Try it
Using the data below, show every line where the word "subcontext" occurs.

[Input data]

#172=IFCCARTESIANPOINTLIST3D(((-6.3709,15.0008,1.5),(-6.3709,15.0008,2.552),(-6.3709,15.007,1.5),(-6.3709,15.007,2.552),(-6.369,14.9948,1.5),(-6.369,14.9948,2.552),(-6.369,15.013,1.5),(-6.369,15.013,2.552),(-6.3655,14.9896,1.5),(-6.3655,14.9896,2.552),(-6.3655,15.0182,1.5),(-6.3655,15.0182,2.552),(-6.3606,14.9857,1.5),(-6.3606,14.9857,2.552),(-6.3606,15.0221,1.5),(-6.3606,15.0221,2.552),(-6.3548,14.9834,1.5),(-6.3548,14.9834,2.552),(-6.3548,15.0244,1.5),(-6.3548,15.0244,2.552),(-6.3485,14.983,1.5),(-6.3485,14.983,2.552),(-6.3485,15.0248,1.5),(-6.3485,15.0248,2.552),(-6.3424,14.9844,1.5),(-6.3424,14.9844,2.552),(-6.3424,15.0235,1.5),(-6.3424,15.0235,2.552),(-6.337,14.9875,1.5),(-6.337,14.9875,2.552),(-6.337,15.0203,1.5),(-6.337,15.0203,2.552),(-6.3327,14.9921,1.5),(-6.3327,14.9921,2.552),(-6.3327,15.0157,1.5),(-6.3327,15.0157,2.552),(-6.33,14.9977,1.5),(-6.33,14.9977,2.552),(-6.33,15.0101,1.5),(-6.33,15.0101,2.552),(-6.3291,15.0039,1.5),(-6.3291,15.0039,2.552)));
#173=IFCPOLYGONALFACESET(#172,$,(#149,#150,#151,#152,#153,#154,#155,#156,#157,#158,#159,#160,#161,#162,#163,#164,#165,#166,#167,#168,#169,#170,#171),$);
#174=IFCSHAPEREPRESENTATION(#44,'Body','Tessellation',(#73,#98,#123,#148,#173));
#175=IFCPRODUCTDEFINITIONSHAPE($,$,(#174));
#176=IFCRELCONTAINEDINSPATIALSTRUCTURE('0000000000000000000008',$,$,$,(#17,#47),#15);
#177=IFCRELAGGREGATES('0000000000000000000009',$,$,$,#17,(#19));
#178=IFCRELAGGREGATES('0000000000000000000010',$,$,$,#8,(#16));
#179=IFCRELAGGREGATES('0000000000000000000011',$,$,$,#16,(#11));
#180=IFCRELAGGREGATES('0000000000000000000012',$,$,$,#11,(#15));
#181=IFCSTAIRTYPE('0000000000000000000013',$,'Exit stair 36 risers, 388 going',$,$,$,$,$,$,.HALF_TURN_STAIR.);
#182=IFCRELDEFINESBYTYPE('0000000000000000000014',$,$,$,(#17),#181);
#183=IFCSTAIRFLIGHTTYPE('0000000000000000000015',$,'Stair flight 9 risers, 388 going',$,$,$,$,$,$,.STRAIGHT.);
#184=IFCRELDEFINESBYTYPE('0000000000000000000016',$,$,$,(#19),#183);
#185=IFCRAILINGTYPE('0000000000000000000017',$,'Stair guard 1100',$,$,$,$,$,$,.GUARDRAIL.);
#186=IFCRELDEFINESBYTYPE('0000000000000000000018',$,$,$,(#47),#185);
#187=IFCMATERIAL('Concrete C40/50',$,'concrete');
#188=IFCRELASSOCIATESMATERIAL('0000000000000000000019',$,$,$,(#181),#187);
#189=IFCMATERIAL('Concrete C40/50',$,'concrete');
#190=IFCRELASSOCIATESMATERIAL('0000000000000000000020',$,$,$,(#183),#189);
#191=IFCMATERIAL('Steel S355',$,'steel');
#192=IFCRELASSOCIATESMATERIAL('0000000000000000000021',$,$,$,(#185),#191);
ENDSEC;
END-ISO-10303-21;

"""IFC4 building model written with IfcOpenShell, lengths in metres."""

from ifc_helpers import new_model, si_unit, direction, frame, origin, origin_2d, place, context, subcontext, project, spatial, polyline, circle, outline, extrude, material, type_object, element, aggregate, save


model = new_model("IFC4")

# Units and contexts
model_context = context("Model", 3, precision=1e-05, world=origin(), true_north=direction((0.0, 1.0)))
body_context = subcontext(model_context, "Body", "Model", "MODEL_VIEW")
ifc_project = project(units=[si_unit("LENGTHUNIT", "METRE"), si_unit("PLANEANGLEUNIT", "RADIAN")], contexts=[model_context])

[/Input data]

Your solution
from ifc_helpers import new_model, si_unit, direction, frame, origin, origin_2d, place, context, subcontext, project, spatial, polyline, circle, outline, extrude, material, type_object, element, aggregate, save
body_context = subcontext(model_context, "Body", "Model", "MODEL_VIEW")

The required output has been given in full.